[Collected data entries]
========================
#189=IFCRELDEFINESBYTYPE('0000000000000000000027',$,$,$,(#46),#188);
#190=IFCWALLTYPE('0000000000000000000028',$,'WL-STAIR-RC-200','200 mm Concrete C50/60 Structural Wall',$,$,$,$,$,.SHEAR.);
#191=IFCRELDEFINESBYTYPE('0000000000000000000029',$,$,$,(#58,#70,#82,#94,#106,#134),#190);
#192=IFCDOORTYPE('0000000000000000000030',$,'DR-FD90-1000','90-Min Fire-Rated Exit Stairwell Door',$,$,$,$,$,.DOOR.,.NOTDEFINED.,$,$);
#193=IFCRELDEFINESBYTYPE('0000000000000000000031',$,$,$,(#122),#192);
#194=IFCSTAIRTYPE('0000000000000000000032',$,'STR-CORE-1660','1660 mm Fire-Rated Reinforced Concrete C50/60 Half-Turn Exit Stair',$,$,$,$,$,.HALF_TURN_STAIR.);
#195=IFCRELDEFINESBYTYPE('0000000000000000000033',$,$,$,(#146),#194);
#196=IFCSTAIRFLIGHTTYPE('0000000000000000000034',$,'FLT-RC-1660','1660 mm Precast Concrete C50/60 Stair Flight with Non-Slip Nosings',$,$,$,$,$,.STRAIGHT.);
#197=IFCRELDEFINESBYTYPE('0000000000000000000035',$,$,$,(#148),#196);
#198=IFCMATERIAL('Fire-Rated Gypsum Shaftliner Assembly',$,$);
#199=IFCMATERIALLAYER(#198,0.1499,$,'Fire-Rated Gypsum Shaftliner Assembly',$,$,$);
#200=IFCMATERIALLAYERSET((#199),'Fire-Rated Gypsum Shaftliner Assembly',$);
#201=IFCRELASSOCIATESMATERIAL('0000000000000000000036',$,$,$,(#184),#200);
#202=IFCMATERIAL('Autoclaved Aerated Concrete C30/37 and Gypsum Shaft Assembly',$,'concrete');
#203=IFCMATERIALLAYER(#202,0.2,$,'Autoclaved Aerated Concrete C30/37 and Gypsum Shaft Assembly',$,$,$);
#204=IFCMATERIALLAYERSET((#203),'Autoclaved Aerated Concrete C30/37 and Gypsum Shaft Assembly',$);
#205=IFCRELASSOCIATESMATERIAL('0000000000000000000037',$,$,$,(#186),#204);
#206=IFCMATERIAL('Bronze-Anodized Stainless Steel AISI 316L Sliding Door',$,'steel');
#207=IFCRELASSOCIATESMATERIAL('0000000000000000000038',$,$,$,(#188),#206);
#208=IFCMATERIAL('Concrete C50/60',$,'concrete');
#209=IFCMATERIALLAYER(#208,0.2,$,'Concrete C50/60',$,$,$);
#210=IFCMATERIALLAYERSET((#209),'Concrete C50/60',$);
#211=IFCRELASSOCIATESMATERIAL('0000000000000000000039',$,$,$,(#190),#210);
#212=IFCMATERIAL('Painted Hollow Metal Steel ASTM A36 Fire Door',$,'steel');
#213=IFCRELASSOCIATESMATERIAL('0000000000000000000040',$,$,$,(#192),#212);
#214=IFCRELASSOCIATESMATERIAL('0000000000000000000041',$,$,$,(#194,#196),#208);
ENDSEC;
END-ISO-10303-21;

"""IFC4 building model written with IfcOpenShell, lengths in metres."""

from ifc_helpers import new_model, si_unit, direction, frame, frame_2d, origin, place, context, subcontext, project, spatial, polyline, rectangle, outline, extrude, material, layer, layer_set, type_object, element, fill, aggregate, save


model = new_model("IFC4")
========================
**What you are asked to do**
Starting from the line with "END-ISO-10303-21;" and ending with the final line of the data, quote every line exactly, both ends included.

**Your response**
END-ISO-10303-21;

"""IFC4 building model written with IfcOpenShell, lengths in metres."""

from ifc_helpers import new_model, si_unit, direction, frame, frame_2d, origin, place, context, subcontext, project, spatial, polyline, rectangle, outline, extrude, material, layer, layer_set, type_object, element, fill, aggregate, save


model = new_model("IFC4")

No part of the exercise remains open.